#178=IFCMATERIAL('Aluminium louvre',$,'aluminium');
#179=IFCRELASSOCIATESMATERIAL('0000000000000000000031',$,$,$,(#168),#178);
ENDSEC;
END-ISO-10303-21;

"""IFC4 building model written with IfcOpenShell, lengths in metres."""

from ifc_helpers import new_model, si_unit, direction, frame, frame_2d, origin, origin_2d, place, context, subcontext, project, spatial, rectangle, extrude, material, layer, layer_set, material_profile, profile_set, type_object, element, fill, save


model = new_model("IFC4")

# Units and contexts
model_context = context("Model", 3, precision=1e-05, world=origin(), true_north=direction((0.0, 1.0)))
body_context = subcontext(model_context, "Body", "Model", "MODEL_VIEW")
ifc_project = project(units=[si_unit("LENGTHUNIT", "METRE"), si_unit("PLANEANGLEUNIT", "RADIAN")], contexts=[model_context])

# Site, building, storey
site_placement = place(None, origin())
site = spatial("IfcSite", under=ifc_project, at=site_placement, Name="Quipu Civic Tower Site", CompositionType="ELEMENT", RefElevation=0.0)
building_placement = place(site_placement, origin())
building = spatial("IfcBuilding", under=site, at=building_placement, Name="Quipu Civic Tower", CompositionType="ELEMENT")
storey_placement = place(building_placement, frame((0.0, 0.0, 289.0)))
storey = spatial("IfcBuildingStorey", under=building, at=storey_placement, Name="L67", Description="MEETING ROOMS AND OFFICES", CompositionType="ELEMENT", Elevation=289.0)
· · · · ·
→ GOAL OF THE EXERCISE
Transcribe the records exactly as they appear.

→ TASK SOLUTION
#178=IFCMATERIAL('Aluminium louvre',$,'aluminium');
#179=IFCRELASSOCIATESMATERIAL('0000000000000000000031',$,$,$,(#168),#178);
ENDSEC;
END-ISO-10303-21;

"""IFC4 building model written with IfcOpenShell, lengths in metres."""

from ifc_helpers import new_model, si_unit, direction, frame, frame_2d, origin, origin_2d, place, context, subcontext, project, spatial, rectangle, extrude, material, layer, layer_set, material_profile, profile_set, type_object, element, fill, save


model = new_model("IFC4")

# Units and contexts
model_context = context("Model", 3, precision=1e-05, world=origin(), true_north=direction((0.0, 1.0)))
body_context = subcontext(model_context, "Body", "Model", "MODEL_VIEW")
ifc_project = project(units=[si_unit("LENGTHUNIT", "METRE"), si_unit("PLANEANGLEUNIT", "RADIAN")], contexts=[model_context])

# Site, building, storey
site_placement = place(None, origin())
site = spatial("IfcSite", under=ifc_project, at=site_placement, Name="Quipu Civic Tower Site", CompositionType="ELEMENT", RefElevation=0.0)
building_placement = place(site_placement, origin())
building = spatial("IfcBuilding", under=site, at=building_placement, Name="Quipu Civic Tower", CompositionType="ELEMENT")
storey_placement = place(building_placement, frame((0.0, 0.0, 289.0)))
storey = spatial("IfcBuildingStorey", under=building, at=storey_placement, Name="L67", Description="MEETING ROOMS AND OFFICES", CompositionType="ELEMENT", Elevation=289.0)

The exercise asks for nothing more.